Please state how many lines in the records that follow include "polyline", with no other output.

§ **Input for this task**:

§

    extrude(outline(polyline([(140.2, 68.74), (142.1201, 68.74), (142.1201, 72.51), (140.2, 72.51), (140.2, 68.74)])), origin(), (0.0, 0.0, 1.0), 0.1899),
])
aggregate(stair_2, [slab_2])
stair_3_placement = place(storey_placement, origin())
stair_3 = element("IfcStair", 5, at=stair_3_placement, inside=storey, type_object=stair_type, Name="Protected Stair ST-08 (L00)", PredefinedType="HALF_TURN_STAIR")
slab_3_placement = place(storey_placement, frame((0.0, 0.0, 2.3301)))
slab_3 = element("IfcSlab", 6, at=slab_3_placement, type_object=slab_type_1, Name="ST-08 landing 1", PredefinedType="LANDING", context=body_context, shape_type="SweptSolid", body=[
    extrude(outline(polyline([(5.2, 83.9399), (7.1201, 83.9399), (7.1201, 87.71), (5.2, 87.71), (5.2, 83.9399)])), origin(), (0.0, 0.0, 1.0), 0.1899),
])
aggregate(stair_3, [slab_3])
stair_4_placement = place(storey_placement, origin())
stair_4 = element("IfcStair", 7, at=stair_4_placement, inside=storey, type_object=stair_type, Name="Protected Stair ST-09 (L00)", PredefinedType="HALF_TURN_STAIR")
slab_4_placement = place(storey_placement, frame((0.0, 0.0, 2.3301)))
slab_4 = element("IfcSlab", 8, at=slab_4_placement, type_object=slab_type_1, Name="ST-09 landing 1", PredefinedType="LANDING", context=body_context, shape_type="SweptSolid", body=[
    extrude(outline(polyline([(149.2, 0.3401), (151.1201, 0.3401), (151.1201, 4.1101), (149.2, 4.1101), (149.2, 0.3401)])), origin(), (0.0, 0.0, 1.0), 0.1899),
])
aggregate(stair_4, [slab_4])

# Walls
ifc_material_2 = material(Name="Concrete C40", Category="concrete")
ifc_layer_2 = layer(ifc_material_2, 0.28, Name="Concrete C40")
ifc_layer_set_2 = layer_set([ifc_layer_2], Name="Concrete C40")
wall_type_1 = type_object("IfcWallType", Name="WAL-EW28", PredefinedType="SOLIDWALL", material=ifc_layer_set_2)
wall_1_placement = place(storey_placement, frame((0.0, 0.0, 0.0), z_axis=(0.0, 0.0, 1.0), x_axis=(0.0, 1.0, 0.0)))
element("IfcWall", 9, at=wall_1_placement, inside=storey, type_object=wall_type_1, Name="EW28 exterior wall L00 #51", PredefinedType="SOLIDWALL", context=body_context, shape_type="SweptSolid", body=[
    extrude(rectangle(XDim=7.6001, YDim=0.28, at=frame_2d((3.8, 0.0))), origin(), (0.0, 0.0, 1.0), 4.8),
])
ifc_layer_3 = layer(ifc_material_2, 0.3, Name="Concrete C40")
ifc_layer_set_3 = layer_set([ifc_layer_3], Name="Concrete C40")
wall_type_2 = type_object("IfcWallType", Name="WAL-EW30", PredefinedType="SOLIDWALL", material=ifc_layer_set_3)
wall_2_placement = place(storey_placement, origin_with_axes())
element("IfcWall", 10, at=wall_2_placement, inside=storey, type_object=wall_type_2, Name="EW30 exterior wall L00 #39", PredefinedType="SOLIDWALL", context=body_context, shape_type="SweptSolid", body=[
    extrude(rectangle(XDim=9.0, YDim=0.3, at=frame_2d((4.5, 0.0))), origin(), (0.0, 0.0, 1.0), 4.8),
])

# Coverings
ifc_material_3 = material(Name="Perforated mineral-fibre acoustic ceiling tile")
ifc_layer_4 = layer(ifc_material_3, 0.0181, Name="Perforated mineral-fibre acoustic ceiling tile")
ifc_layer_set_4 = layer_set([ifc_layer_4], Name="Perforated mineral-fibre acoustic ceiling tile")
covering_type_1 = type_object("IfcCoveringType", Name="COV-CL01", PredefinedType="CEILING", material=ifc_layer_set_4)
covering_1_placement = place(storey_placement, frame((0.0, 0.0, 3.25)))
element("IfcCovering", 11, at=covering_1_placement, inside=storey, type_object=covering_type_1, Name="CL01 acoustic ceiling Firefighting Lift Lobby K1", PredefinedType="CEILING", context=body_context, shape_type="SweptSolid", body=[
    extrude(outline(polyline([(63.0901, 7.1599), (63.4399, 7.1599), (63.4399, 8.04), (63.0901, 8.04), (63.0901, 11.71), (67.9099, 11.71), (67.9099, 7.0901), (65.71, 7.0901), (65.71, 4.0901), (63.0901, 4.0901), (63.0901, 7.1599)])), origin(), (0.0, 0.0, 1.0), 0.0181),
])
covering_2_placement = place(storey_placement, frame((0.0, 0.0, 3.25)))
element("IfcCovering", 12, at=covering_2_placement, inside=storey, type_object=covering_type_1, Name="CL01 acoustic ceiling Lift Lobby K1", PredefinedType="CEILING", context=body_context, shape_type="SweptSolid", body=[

§

§ **Completed task**:
4